What is required: Would you filter these records and copy every line that has the word "save"?

Dataset records

──────────────────────────────

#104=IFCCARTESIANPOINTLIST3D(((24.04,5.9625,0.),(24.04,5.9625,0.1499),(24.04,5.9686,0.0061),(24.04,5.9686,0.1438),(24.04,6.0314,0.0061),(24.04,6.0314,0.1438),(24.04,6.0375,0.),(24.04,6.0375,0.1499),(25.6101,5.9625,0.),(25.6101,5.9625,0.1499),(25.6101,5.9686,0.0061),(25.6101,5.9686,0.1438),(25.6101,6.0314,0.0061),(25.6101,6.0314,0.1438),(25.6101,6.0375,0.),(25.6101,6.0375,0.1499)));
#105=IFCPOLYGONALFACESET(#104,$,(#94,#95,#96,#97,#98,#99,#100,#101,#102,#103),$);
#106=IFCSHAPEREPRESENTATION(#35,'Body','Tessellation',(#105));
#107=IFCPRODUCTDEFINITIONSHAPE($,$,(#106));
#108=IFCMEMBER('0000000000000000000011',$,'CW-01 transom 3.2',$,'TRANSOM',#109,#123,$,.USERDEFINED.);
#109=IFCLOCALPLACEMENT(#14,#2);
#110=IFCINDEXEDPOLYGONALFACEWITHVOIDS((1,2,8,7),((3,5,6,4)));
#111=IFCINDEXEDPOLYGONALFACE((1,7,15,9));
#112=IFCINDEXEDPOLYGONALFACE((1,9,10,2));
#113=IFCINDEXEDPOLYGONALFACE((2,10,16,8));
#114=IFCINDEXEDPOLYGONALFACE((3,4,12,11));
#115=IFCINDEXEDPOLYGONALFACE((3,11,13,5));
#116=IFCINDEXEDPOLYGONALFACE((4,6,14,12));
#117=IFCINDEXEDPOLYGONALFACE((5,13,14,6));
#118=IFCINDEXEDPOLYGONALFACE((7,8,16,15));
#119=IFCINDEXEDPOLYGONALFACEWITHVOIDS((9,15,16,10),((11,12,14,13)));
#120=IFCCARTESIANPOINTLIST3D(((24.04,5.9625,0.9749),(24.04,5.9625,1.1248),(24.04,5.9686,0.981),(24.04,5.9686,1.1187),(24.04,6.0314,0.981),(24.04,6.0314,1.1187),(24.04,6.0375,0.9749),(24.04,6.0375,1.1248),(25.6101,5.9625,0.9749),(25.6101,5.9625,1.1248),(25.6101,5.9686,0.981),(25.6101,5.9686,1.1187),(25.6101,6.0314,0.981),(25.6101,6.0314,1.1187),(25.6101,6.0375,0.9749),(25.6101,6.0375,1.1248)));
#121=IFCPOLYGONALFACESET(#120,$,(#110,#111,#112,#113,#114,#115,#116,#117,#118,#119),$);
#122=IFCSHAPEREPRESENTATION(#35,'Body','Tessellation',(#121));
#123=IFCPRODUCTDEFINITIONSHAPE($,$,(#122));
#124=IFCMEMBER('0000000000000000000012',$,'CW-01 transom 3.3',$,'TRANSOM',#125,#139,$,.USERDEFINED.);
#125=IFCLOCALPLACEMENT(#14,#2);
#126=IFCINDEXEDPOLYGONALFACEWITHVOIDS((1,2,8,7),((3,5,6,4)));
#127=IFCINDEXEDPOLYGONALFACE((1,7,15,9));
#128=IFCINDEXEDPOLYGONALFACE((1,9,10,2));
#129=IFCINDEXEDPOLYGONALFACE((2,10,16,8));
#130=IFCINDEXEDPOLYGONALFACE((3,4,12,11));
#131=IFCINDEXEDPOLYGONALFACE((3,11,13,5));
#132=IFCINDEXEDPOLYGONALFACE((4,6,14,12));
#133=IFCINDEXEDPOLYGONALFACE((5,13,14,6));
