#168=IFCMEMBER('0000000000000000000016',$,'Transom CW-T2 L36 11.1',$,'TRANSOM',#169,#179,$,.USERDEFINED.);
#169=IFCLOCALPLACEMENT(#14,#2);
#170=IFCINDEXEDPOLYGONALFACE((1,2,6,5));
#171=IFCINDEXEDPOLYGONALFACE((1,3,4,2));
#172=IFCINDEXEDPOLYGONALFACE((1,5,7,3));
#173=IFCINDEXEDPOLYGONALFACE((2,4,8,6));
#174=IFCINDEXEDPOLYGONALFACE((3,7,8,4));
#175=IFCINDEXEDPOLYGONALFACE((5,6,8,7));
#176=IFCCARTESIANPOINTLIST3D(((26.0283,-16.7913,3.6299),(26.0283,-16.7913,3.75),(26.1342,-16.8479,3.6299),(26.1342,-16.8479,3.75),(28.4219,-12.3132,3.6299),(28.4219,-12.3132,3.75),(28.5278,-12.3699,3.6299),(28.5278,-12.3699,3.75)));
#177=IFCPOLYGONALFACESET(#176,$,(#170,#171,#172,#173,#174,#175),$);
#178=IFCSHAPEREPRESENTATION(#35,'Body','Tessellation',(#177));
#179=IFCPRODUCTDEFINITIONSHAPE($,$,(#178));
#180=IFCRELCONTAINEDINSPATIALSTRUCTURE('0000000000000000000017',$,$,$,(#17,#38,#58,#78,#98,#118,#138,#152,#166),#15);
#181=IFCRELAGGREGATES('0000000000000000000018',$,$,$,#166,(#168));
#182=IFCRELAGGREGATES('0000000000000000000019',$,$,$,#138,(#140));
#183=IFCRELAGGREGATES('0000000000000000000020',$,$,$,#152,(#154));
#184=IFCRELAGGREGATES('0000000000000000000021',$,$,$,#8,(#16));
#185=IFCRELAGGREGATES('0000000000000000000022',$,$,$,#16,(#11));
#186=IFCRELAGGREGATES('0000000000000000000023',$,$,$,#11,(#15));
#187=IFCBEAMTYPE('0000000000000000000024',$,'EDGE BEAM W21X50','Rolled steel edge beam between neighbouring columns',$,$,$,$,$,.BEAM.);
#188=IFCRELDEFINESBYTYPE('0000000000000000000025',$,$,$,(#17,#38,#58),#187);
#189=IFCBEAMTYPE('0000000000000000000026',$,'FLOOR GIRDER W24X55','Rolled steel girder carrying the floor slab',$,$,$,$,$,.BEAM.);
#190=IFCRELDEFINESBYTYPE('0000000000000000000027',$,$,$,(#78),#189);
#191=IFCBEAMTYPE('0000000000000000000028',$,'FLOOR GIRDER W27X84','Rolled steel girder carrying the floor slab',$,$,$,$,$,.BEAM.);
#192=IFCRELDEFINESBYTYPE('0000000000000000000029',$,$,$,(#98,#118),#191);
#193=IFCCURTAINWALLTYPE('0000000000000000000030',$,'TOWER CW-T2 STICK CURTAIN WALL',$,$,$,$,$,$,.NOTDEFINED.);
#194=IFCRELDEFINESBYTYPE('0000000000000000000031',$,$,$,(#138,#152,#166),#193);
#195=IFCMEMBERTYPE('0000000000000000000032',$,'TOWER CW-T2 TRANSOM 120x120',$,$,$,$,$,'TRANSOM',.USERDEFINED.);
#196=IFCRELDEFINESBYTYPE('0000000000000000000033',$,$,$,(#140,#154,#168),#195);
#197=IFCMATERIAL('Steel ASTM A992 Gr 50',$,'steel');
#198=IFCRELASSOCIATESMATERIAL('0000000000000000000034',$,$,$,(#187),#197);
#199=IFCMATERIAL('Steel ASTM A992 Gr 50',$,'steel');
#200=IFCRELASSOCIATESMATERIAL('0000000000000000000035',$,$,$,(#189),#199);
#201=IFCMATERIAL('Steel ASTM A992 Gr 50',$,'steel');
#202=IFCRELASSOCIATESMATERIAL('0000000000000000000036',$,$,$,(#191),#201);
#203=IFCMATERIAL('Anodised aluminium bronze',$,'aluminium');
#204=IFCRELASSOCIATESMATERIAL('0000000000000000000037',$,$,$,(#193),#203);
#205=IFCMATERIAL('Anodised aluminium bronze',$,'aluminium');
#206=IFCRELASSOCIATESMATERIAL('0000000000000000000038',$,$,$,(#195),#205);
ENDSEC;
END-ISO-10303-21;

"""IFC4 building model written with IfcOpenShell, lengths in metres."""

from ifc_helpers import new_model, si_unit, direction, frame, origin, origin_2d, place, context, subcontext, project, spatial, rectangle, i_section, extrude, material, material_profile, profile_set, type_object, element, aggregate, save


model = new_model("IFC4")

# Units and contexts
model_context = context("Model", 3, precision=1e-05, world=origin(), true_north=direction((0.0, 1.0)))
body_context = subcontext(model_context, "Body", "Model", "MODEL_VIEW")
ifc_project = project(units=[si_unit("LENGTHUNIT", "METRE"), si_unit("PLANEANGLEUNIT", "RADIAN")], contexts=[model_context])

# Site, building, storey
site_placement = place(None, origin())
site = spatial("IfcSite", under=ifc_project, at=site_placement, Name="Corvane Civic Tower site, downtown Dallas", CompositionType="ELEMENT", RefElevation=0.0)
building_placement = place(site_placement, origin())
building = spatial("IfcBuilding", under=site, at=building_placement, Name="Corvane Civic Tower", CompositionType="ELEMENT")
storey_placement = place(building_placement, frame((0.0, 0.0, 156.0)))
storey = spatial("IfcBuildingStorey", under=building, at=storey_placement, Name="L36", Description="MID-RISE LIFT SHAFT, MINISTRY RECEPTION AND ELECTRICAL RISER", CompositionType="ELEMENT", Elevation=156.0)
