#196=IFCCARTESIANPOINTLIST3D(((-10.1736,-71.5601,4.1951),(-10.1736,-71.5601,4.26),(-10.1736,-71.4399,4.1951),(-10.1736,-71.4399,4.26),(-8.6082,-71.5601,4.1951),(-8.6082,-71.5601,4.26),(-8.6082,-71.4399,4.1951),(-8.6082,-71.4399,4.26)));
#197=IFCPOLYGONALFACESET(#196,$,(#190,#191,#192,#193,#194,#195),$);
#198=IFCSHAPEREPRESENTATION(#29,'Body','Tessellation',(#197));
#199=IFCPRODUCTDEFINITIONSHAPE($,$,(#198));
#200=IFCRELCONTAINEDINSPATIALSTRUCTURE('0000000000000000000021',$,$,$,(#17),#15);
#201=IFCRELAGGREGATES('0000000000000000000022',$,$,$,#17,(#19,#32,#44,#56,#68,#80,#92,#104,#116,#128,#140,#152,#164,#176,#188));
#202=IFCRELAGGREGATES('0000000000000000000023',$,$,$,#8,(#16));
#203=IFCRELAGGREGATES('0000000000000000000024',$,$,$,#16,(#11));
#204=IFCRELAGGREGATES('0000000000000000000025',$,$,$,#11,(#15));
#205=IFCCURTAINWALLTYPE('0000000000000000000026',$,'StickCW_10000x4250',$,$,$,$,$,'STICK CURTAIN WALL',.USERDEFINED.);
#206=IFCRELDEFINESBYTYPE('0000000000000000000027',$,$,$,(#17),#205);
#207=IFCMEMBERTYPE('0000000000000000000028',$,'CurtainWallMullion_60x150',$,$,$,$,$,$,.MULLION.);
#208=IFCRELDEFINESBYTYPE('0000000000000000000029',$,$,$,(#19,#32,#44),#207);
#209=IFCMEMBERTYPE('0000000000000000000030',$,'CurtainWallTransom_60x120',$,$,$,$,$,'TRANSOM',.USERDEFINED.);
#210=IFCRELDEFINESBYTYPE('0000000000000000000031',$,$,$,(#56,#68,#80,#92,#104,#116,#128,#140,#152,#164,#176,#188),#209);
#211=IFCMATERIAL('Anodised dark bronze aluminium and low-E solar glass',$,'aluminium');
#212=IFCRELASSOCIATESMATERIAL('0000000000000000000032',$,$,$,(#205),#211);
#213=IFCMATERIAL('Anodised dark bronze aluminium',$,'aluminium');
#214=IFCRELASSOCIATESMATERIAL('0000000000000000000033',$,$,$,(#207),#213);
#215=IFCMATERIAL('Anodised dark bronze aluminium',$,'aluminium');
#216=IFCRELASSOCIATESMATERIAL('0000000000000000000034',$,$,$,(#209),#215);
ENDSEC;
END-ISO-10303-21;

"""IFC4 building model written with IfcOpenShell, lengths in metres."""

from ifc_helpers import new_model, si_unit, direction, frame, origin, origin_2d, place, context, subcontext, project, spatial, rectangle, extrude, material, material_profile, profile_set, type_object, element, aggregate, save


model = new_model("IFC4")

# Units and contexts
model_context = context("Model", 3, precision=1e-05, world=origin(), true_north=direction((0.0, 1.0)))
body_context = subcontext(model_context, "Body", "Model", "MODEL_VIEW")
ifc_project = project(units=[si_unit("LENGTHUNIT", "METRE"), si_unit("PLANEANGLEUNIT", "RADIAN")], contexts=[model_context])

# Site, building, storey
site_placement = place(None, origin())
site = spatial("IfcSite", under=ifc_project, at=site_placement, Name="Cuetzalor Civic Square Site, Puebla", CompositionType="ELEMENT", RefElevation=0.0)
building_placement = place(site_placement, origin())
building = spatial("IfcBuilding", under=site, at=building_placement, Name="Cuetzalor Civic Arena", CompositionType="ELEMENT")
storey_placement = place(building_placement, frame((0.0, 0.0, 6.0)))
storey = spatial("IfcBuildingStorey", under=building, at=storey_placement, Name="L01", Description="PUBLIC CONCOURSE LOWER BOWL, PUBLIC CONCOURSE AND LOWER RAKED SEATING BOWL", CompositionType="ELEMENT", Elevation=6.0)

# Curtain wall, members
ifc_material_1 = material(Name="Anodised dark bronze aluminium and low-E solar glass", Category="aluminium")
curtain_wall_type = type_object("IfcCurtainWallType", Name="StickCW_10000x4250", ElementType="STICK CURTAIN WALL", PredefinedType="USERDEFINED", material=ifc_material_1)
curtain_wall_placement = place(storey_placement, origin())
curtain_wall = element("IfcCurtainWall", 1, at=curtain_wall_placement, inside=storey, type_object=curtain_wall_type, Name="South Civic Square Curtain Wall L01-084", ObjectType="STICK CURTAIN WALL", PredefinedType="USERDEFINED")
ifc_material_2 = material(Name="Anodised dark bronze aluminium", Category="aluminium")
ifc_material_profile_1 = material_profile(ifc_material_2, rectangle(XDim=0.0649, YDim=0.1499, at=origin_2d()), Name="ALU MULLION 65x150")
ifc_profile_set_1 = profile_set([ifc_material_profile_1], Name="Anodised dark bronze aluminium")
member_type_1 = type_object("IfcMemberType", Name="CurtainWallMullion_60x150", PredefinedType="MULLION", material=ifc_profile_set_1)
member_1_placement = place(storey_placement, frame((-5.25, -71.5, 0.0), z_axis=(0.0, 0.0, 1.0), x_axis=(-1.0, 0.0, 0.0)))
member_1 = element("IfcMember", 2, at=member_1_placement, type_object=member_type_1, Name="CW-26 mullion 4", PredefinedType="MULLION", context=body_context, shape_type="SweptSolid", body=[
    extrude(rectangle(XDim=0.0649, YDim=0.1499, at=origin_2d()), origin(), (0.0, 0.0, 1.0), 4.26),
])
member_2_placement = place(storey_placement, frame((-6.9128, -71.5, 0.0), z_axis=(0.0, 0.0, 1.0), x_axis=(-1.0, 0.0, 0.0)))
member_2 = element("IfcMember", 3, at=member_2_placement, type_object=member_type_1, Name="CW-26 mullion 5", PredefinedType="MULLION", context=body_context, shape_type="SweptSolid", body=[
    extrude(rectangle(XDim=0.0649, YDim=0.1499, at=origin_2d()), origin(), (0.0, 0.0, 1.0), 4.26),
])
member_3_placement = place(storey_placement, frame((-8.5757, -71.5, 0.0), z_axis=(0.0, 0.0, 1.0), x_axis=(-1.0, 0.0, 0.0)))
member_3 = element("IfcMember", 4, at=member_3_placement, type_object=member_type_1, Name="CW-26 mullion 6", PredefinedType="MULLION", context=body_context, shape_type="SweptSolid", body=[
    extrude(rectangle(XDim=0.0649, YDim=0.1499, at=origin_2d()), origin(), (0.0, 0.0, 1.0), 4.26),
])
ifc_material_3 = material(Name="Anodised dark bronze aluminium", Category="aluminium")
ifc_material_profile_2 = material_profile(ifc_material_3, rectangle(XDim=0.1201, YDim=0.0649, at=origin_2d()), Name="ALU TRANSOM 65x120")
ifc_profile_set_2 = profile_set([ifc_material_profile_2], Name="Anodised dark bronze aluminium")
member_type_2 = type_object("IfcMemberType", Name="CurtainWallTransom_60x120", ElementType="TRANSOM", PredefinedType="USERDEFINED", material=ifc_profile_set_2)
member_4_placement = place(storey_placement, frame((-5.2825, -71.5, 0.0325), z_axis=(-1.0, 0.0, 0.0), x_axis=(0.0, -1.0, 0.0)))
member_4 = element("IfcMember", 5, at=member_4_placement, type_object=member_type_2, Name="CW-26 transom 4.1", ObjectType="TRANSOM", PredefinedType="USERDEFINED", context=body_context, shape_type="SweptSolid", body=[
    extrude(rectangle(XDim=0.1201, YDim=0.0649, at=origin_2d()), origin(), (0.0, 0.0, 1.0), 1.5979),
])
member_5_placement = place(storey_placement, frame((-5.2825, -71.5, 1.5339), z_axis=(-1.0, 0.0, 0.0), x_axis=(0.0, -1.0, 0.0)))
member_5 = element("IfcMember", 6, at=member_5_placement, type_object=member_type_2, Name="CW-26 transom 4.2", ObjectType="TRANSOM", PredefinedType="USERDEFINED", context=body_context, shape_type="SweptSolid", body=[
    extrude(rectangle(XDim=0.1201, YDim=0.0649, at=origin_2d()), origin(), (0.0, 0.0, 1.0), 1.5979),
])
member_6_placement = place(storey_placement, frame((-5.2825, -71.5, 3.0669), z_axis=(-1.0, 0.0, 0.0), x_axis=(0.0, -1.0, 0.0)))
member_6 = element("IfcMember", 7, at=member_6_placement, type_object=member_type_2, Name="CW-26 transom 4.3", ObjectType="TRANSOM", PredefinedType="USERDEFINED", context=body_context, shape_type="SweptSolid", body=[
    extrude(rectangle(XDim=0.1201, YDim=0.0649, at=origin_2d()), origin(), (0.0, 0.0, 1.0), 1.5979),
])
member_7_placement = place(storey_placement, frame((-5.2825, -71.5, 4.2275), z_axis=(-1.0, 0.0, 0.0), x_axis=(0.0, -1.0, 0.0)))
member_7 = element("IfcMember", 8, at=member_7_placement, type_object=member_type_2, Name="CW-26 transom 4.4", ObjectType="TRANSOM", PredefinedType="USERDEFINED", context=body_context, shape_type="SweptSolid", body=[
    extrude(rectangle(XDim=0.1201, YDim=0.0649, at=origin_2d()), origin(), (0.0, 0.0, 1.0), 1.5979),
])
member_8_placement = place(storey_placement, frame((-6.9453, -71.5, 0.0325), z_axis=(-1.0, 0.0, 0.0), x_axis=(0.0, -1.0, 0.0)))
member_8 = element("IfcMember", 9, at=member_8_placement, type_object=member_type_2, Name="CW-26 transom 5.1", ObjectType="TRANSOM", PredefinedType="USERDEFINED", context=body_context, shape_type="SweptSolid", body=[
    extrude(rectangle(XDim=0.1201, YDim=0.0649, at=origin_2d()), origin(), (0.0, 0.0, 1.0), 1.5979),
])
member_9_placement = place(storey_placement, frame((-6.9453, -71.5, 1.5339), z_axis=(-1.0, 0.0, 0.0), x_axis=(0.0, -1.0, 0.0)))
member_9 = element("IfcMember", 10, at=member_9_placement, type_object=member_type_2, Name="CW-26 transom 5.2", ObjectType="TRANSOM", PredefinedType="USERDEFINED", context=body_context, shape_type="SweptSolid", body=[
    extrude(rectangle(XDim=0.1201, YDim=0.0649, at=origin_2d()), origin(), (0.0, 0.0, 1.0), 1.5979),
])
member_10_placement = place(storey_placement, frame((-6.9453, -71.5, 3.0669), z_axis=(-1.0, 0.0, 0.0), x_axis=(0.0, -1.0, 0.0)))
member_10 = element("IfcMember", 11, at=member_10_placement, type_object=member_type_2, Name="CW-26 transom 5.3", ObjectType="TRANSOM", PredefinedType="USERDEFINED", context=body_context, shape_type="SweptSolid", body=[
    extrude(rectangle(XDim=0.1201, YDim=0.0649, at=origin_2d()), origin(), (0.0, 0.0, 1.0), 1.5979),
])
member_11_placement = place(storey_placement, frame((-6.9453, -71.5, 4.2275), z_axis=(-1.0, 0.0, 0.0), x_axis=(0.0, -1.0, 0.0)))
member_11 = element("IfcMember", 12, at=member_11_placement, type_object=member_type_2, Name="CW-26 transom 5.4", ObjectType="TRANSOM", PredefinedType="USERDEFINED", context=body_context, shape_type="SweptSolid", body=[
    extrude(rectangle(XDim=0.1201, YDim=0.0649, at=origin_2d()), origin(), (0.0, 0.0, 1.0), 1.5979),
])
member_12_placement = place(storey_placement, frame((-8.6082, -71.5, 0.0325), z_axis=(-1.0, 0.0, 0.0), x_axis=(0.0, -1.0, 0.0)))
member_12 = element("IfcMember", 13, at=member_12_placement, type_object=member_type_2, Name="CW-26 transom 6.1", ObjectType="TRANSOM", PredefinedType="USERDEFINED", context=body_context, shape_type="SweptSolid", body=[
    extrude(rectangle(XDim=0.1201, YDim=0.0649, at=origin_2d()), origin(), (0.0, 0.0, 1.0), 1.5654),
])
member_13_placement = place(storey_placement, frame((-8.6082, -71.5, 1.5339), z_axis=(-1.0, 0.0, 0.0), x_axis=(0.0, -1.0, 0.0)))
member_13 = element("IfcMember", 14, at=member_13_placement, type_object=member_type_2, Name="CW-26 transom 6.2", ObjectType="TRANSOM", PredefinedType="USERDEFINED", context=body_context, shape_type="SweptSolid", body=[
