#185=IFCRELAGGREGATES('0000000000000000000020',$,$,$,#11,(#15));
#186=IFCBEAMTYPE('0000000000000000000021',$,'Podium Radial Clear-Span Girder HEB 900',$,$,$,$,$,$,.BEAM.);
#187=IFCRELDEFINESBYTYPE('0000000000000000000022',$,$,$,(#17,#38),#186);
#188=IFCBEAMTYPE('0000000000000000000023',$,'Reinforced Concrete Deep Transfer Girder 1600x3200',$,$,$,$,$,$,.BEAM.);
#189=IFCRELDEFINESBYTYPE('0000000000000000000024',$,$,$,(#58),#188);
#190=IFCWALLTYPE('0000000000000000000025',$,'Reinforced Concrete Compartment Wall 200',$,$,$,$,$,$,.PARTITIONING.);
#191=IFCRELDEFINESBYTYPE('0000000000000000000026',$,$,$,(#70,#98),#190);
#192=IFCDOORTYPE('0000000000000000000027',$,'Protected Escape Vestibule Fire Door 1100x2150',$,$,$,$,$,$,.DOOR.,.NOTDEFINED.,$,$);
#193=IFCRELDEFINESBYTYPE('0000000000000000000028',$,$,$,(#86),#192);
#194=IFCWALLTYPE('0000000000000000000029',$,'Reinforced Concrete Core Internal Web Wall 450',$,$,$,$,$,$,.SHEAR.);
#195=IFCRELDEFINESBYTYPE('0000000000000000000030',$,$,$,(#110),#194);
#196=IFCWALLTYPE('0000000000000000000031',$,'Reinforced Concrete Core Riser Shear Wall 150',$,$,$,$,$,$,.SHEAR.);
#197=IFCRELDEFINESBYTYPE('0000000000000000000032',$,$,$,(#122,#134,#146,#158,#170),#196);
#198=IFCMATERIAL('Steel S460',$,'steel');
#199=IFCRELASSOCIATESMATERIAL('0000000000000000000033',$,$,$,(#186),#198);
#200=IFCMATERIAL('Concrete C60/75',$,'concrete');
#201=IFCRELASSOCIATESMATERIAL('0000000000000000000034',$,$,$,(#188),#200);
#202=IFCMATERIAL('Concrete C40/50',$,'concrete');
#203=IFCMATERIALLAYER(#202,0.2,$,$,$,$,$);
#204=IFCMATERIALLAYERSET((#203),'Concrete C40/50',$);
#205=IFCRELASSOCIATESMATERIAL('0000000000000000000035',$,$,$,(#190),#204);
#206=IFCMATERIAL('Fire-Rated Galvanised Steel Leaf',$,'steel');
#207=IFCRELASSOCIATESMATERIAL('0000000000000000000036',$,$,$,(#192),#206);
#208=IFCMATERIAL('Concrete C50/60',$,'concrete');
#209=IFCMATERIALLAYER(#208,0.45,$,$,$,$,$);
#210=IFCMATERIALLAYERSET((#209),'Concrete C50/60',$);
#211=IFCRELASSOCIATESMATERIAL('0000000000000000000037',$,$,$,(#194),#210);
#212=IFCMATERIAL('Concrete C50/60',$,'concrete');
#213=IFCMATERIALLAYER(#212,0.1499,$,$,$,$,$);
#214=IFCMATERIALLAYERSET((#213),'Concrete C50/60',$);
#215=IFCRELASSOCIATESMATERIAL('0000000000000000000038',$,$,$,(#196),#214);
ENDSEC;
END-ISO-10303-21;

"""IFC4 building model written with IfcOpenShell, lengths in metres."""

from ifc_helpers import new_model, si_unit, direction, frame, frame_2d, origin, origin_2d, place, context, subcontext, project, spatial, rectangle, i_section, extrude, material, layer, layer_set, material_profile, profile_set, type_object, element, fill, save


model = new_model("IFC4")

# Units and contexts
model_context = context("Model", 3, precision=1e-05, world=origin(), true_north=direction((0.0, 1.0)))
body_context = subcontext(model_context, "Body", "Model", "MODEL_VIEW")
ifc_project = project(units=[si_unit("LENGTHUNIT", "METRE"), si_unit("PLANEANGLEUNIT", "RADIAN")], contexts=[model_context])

──────────────────────────────

Expected output:
from ifc_helpers import new_model, si_unit, direction, frame, origin, origin_2d, place, context, subcontext, project, spatial, rectangle, i_section, extrude, material, material_profile, profile_set, type_object, element, aggregate, save
from ifc_helpers import new_model, si_unit, direction, frame, origin, origin_2d, place, context, subcontext, project, spatial, rectangle, extrude, material, material_profile, profile_set, type_object, element, aggregate, save
from ifc_helpers import new_model, si_unit, direction, frame, frame_2d, origin, origin_2d, place, context, subcontext, project, spatial, rectangle, i_section, extrude, material, layer, layer_set, material_profile, profile_set, type_object, element, fill, save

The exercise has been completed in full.